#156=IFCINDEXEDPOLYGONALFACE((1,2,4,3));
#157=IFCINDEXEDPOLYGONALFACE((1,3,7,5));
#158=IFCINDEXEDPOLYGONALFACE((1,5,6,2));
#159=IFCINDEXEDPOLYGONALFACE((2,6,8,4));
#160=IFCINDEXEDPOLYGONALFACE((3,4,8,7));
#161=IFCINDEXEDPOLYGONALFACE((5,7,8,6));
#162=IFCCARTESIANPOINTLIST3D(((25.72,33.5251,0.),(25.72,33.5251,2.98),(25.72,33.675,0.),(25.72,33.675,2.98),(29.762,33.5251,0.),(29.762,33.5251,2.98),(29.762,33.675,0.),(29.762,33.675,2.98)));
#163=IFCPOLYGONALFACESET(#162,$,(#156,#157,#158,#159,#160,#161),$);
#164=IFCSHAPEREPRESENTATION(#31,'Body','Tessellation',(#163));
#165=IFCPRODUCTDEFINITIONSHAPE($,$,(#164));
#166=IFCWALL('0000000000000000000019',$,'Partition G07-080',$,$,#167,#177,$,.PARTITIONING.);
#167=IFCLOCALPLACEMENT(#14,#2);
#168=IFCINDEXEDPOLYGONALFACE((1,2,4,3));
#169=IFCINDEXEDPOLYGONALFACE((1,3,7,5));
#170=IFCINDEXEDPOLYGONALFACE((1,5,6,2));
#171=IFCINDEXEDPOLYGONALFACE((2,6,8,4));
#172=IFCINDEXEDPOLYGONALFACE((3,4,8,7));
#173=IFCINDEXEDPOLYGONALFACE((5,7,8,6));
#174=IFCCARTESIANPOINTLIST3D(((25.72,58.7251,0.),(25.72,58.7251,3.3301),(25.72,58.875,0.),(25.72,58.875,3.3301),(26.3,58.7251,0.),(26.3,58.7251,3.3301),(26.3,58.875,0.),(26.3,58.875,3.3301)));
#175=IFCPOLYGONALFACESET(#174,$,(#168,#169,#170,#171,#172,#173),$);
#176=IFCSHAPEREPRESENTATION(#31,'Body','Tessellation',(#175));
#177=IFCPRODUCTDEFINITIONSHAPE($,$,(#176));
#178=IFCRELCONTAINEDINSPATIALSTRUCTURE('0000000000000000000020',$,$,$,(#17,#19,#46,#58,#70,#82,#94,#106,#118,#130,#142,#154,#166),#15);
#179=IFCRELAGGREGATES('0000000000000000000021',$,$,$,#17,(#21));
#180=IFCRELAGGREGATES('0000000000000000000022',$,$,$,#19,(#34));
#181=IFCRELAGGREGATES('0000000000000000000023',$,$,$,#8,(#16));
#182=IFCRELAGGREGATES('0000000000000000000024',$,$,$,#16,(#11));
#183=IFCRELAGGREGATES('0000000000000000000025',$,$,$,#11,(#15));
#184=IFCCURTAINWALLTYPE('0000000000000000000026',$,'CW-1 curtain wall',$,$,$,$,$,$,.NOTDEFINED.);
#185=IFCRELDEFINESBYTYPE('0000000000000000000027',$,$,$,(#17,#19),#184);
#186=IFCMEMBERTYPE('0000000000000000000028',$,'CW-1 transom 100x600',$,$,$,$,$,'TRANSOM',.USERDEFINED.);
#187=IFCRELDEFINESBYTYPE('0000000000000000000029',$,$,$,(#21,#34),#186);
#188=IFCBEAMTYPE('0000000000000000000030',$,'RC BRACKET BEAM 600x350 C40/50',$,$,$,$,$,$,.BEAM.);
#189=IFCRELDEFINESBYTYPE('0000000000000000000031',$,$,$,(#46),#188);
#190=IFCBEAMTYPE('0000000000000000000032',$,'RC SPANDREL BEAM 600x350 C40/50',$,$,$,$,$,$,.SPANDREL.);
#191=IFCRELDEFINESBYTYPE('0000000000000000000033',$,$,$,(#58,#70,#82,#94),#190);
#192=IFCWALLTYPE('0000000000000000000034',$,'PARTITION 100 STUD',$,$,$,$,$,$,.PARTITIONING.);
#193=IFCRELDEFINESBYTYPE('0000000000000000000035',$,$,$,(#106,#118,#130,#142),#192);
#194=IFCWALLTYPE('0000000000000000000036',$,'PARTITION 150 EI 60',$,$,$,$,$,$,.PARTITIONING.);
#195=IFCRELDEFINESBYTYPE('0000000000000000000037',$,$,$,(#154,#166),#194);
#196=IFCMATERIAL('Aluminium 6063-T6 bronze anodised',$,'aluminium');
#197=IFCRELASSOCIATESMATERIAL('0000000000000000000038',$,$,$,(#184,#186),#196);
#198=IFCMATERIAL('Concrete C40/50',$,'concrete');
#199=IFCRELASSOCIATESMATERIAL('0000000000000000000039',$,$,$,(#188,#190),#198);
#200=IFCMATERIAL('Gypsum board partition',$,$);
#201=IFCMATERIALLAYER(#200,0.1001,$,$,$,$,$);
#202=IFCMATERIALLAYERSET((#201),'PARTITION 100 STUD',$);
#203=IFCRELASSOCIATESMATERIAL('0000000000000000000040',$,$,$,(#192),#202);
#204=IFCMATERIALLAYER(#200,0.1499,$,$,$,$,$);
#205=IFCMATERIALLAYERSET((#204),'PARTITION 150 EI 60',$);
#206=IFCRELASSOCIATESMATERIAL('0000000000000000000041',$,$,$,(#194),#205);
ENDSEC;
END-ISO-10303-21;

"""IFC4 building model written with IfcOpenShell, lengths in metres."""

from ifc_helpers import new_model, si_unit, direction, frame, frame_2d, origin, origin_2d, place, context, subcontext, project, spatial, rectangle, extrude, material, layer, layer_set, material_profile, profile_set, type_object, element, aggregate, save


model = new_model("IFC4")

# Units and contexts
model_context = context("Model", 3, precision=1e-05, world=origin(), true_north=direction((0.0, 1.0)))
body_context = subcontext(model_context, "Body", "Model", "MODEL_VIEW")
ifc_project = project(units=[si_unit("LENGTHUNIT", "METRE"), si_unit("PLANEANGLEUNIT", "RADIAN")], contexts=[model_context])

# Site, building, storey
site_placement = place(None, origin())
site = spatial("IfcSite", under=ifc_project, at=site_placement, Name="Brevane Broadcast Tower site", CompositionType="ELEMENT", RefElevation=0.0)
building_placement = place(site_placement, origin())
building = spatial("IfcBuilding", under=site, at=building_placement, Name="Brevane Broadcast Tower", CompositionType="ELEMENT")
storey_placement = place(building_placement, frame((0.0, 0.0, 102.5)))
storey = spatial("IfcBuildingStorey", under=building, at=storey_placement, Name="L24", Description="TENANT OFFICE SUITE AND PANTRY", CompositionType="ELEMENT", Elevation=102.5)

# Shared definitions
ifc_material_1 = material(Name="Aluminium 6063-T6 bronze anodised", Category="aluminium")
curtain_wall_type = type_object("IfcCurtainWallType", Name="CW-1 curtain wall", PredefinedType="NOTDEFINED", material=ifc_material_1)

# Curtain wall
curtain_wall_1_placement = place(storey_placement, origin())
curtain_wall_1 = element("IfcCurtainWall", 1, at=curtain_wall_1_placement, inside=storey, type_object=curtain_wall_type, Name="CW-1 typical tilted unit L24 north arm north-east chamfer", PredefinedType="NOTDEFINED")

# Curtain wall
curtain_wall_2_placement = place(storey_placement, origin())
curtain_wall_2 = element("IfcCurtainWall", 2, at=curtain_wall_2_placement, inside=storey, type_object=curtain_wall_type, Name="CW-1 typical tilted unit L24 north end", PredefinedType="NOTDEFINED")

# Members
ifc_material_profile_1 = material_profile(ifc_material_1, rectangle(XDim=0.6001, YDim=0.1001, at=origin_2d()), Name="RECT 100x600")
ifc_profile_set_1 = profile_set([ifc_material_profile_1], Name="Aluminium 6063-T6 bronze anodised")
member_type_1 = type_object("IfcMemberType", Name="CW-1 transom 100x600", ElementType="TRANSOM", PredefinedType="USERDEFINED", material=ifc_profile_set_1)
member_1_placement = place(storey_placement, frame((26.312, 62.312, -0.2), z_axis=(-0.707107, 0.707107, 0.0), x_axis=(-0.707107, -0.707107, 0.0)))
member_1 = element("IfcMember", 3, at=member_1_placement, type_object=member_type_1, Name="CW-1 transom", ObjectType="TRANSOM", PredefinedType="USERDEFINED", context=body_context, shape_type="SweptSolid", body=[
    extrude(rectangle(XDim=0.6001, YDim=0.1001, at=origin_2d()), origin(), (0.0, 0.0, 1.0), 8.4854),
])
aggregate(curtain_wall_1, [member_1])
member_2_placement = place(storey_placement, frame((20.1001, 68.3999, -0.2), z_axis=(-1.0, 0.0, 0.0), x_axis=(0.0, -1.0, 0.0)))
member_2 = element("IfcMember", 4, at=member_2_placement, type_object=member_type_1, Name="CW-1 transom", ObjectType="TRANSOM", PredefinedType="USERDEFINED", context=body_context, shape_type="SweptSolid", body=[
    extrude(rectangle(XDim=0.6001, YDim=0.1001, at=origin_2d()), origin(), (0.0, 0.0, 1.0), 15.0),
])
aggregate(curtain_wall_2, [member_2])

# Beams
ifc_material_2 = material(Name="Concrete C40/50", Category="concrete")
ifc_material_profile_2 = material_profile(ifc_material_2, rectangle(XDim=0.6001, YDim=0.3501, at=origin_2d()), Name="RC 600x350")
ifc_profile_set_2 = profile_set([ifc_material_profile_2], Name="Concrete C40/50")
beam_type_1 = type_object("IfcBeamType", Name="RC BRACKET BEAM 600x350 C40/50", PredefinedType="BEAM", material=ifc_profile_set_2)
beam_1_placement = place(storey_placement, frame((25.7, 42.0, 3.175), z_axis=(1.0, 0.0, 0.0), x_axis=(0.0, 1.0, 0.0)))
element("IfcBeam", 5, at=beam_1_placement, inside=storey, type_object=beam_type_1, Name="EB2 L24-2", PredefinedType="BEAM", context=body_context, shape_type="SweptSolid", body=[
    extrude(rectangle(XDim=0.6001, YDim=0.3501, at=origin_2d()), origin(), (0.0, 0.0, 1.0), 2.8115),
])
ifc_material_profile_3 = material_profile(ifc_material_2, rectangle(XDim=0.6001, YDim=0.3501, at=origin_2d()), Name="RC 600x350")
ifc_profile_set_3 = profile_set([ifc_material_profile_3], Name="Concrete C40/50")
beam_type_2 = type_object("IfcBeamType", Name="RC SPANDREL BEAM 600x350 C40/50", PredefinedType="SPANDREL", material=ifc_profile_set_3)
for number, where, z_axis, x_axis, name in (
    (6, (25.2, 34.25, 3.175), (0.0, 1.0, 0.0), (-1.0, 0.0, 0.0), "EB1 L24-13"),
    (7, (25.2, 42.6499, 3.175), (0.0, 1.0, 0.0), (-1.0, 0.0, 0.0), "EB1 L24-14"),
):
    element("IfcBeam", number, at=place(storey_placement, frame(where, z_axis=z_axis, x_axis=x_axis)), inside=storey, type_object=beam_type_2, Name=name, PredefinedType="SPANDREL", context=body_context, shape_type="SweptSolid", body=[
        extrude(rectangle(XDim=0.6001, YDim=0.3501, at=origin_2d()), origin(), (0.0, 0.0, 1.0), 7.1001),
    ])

* Work to complete: Take the records above and return, word for word, only the lines that fall from the line with "#172=IFCINDEXEDPOLYGONALFACE((3,4,8,7));" to the line with "#190=IFCBEAMTYPE('0000000000000000000032',$,'RC SPANDREL BEAM", both of them included.

* Answer area:
#172=IFCINDEXEDPOLYGONALFACE((3,4,8,7));
#173=IFCINDEXEDPOLYGONALFACE((5,7,8,6));
#174=IFCCARTESIANPOINTLIST3D(((25.72,58.7251,0.),(25.72,58.7251,3.3301),(25.72,58.875,0.),(25.72,58.875,3.3301),(26.3,58.7251,0.),(26.3,58.7251,3.3301),(26.3,58.875,0.),(26.3,58.875,3.3301)));
#175=IFCPOLYGONALFACESET(#174,$,(#168,#169,#170,#171,#172,#173),$);
#176=IFCSHAPEREPRESENTATION(#31,'Body','Tessellation',(#175));
#177=IFCPRODUCTDEFINITIONSHAPE($,$,(#176));
#178=IFCRELCONTAINEDINSPATIALSTRUCTURE('0000000000000000000020',$,$,$,(#17,#19,#46,#58,#70,#82,#94,#106,#118,#130,#142,#154,#166),#15);
#179=IFCRELAGGREGATES('0000000000000000000021',$,$,$,#17,(#21));
#180=IFCRELAGGREGATES('0000000000000000000022',$,$,$,#19,(#34));
#181=IFCRELAGGREGATES('0000000000000000000023',$,$,$,#8,(#16));
#182=IFCRELAGGREGATES('0000000000000000000024',$,$,$,#16,(#11));
#183=IFCRELAGGREGATES('0000000000000000000025',$,$,$,#11,(#15));
#184=IFCCURTAINWALLTYPE('0000000000000000000026',$,'CW-1 curtain wall',$,$,$,$,$,$,.NOTDEFINED.);
#185=IFCRELDEFINESBYTYPE('0000000000000000000027',$,$,$,(#17,#19),#184);
#186=IFCMEMBERTYPE('0000000000000000000028',$,'CW-1 transom 100x600',$,$,$,$,$,'TRANSOM',.USERDEFINED.);
#187=IFCRELDEFINESBYTYPE('0000000000000000000029',$,$,$,(#21,#34),#186);
#188=IFCBEAMTYPE('0000000000000000000030',$,'RC BRACKET BEAM 600x350 C40/50',$,$,$,$,$,$,.BEAM.);
#189=IFCRELDEFINESBYTYPE('0000000000000000000031',$,$,$,(#46),#188);
#190=IFCBEAMTYPE('0000000000000000000032',$,'RC SPANDREL BEAM 600x350 C40/50',$,$,$,$,$,$,.SPANDREL.);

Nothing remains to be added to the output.